* Assigned task *
Answer with one number: the count of lines in this material that hold the word "under".

* Records shown *
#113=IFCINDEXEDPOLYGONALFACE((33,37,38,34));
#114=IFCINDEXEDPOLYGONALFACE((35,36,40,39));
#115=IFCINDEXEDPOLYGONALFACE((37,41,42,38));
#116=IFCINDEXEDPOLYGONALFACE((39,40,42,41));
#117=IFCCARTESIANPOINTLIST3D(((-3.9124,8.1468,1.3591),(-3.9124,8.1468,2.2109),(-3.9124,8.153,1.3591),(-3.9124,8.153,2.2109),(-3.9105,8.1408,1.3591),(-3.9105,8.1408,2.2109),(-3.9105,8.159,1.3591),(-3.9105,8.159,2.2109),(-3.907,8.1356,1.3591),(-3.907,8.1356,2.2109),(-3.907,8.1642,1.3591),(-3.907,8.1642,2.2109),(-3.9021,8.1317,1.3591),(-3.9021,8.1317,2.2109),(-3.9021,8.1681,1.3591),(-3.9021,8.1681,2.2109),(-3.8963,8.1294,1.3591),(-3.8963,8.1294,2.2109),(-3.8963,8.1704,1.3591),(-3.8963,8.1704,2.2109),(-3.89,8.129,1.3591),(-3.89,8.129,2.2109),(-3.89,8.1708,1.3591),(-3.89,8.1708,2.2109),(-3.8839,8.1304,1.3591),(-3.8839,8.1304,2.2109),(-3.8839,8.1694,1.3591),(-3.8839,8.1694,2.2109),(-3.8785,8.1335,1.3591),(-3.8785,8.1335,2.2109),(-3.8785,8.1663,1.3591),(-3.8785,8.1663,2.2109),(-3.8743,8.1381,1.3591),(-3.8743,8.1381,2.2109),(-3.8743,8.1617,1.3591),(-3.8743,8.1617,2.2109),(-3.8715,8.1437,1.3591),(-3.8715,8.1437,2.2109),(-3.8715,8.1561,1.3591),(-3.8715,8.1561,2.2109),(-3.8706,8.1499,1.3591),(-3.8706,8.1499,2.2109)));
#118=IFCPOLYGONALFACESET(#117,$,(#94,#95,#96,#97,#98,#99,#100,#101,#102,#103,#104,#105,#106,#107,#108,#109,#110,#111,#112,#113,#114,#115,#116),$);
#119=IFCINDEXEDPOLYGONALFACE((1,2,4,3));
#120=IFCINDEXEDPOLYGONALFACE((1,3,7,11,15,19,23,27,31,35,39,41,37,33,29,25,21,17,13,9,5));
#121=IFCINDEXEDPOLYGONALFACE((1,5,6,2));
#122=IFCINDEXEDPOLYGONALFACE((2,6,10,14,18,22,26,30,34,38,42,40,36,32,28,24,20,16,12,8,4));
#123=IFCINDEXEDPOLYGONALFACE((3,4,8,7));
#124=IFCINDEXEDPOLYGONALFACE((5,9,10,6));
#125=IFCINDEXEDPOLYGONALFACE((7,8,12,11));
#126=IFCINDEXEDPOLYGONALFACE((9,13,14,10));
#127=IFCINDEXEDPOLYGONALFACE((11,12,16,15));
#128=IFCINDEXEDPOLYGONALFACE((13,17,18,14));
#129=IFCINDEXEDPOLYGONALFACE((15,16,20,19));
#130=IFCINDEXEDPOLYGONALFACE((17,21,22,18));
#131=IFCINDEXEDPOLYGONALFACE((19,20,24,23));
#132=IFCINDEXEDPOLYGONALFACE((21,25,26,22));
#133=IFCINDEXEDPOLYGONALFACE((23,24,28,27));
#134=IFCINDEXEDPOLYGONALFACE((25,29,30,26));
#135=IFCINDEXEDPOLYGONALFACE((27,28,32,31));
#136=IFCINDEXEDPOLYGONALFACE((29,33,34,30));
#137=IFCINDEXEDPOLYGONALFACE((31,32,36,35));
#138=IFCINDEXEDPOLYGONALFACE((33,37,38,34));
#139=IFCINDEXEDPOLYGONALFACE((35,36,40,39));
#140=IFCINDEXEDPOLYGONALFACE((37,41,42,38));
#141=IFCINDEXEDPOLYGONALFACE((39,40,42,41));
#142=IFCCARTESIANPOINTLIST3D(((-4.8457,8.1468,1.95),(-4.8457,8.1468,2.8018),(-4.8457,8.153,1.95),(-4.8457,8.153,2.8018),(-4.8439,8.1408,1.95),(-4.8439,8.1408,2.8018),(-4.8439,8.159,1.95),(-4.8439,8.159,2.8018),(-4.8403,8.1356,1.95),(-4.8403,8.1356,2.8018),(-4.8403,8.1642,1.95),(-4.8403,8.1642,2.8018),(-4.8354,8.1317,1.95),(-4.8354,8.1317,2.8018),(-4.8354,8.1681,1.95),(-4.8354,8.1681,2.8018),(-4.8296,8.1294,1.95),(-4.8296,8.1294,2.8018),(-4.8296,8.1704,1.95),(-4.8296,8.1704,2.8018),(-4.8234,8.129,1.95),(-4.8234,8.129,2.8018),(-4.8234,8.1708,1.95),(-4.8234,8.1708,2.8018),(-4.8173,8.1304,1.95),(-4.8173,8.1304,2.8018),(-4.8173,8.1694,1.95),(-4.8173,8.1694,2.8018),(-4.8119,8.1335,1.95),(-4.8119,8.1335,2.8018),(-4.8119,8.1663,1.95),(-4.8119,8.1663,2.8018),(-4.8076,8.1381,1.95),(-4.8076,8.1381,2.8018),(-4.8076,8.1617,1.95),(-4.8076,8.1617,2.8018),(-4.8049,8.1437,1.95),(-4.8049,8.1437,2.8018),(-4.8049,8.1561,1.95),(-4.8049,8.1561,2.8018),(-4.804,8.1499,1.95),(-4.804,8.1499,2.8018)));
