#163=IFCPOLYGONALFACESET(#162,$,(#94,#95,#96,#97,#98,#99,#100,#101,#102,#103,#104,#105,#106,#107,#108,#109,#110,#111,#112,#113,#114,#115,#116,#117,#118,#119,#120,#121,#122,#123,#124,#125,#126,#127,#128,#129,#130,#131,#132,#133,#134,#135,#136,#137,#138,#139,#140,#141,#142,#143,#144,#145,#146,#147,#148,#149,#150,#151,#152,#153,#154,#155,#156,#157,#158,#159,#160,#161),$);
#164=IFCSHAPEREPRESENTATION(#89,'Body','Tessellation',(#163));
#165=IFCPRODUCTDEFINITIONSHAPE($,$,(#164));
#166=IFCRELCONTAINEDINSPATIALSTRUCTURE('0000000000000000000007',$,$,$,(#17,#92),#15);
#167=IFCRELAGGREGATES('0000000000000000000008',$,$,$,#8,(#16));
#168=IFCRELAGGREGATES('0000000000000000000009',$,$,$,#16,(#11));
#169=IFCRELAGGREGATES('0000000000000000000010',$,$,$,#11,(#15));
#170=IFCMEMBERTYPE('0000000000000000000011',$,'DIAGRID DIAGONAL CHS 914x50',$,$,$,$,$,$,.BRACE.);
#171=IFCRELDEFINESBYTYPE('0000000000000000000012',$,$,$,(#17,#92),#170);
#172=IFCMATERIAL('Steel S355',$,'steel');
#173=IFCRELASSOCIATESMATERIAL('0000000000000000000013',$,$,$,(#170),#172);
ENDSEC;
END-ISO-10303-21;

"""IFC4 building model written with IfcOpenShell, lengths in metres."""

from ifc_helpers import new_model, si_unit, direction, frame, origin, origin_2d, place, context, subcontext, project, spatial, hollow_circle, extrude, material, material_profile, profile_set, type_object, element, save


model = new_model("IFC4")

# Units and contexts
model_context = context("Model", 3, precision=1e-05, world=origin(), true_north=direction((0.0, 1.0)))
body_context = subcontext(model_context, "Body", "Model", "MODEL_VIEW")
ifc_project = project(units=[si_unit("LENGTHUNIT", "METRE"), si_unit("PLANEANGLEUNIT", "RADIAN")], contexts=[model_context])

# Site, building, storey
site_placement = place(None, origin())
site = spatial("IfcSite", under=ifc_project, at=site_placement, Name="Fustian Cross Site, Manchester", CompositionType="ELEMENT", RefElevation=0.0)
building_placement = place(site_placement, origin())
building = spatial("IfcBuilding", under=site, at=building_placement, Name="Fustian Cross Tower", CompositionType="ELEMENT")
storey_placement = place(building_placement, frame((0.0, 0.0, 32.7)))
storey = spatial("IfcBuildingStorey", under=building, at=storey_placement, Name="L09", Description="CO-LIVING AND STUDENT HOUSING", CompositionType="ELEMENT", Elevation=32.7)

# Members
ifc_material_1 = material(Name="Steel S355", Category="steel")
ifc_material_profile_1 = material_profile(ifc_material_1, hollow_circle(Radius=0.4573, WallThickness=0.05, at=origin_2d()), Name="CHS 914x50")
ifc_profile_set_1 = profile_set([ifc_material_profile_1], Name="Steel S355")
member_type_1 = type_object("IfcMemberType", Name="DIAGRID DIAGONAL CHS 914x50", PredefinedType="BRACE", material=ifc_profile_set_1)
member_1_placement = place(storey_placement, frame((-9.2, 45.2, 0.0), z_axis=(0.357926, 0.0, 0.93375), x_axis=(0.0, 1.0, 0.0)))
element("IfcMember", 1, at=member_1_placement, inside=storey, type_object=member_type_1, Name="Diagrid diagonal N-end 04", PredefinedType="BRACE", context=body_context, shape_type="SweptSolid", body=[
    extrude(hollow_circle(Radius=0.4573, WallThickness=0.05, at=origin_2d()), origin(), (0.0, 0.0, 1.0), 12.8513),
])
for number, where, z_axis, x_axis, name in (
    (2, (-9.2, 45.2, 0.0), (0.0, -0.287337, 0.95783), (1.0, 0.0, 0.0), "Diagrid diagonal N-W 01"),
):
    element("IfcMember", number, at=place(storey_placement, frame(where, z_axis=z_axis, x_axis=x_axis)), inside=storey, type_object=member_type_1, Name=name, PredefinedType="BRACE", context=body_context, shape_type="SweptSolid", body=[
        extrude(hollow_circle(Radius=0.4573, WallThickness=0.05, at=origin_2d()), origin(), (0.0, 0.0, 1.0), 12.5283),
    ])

* Response to the exercise *
3